-------- The data

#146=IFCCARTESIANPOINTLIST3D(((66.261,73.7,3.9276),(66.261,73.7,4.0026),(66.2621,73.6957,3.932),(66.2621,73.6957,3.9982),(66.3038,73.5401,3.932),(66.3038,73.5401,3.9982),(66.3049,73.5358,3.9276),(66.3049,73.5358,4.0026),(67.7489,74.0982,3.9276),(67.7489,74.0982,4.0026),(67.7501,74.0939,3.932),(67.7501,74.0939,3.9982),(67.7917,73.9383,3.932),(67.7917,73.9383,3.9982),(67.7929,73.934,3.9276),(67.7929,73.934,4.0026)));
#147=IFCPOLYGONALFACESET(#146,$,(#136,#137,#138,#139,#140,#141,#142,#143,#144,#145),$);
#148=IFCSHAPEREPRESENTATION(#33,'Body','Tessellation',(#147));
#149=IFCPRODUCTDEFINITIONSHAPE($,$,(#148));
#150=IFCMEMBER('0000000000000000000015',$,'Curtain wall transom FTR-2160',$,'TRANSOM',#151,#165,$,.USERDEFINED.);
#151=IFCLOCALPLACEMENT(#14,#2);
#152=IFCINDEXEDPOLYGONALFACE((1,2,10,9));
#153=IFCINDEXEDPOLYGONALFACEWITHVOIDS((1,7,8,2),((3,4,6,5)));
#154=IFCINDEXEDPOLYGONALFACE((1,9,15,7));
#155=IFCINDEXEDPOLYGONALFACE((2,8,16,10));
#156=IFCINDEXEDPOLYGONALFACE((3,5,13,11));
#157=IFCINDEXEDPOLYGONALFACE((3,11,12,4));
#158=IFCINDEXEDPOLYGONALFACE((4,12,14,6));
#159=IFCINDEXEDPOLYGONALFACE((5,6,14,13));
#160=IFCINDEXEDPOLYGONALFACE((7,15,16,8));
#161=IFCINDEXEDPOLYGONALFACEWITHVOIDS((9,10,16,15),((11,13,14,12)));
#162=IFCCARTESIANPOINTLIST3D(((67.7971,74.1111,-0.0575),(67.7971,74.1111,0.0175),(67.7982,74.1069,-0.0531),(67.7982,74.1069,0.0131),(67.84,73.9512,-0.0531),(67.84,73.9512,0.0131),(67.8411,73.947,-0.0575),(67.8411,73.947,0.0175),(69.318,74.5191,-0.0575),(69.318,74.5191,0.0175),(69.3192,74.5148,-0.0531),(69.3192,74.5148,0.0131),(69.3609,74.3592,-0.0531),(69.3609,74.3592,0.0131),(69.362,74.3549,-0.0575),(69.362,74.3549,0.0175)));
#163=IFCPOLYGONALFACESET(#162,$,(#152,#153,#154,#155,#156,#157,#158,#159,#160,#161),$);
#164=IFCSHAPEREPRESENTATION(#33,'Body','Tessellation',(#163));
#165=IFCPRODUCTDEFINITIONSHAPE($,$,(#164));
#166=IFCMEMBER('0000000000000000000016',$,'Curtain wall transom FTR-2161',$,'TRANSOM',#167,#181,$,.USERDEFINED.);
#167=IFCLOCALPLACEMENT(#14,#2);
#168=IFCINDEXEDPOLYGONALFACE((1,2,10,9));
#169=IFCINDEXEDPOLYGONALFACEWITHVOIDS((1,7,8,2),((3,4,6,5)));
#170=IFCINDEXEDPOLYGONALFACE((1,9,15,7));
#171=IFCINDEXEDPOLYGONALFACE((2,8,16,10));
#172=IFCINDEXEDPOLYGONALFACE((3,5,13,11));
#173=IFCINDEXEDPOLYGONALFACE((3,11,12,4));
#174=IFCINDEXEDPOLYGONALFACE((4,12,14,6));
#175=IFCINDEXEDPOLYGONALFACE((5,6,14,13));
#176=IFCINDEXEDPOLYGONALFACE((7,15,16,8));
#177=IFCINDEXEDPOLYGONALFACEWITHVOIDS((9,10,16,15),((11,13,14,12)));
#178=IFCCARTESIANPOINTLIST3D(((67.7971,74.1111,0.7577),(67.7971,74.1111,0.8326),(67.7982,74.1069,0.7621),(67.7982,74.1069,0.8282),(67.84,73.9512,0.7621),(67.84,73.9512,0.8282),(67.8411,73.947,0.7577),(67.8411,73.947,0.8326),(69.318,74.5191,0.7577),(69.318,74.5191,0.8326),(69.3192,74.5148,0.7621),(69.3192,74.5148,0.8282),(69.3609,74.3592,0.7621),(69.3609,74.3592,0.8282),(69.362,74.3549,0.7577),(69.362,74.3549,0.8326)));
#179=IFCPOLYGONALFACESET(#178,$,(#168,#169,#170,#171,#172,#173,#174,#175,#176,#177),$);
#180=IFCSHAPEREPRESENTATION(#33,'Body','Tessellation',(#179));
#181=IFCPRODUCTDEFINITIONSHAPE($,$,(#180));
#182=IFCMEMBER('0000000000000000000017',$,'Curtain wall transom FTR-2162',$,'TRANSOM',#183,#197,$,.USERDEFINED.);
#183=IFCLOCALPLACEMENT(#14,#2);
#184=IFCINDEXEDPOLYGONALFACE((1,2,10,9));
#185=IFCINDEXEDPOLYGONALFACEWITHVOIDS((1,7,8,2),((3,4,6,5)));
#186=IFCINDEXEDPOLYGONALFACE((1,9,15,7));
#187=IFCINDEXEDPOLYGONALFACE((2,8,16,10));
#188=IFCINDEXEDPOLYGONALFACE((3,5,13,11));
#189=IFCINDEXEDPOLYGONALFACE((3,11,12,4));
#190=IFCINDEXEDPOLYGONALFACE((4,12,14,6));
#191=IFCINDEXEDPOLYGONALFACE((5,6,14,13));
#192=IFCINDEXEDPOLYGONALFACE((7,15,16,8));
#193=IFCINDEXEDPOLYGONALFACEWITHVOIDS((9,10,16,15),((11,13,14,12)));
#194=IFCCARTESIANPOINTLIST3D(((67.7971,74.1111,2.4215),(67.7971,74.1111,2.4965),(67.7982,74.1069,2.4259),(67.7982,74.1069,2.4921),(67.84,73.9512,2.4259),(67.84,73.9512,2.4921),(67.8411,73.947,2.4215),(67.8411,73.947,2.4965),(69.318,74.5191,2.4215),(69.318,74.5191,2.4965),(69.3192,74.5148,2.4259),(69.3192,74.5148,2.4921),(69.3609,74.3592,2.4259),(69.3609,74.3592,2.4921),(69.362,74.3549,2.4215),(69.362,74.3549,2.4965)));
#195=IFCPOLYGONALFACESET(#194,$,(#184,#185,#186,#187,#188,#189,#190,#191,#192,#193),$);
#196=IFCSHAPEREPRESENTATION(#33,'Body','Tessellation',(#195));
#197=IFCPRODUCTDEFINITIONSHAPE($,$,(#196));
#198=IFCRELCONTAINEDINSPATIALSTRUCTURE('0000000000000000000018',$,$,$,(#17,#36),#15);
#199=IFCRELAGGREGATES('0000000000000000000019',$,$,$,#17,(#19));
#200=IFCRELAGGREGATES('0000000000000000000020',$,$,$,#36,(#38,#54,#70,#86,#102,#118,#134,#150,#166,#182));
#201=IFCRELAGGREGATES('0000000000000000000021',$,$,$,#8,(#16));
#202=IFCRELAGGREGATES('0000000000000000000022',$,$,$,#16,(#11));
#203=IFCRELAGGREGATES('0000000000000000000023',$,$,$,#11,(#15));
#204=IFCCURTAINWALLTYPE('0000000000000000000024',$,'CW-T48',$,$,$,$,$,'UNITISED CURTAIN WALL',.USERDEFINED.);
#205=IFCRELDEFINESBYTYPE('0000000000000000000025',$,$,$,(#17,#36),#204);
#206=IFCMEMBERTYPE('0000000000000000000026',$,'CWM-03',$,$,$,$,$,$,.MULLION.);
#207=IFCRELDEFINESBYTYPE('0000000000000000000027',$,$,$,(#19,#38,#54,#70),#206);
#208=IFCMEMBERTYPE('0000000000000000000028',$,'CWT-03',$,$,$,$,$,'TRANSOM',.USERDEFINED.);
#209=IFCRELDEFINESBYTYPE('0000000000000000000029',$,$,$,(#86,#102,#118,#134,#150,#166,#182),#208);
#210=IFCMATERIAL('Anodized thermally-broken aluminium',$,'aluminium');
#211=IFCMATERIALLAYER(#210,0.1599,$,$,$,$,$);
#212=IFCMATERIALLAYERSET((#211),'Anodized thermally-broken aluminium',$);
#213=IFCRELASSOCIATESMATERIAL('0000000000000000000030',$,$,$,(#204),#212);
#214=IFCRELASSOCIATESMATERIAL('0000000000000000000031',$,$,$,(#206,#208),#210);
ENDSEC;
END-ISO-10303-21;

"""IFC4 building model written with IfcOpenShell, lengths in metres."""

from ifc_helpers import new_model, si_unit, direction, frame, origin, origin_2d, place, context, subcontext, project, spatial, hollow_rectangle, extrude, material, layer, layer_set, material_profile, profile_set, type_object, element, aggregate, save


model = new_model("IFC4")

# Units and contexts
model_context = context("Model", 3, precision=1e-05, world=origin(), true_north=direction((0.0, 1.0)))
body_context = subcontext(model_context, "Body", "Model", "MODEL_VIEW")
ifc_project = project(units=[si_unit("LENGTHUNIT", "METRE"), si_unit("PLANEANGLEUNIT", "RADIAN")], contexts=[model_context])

----------------

* What you are asked to do
Wherever the string "broken" occurs in the records above, copy that line.

* Reply
#210=IFCMATERIAL('Anodized thermally-broken aluminium',$,'aluminium');
#212=IFCMATERIALLAYERSET((#211),'Anodized thermally-broken aluminium',$);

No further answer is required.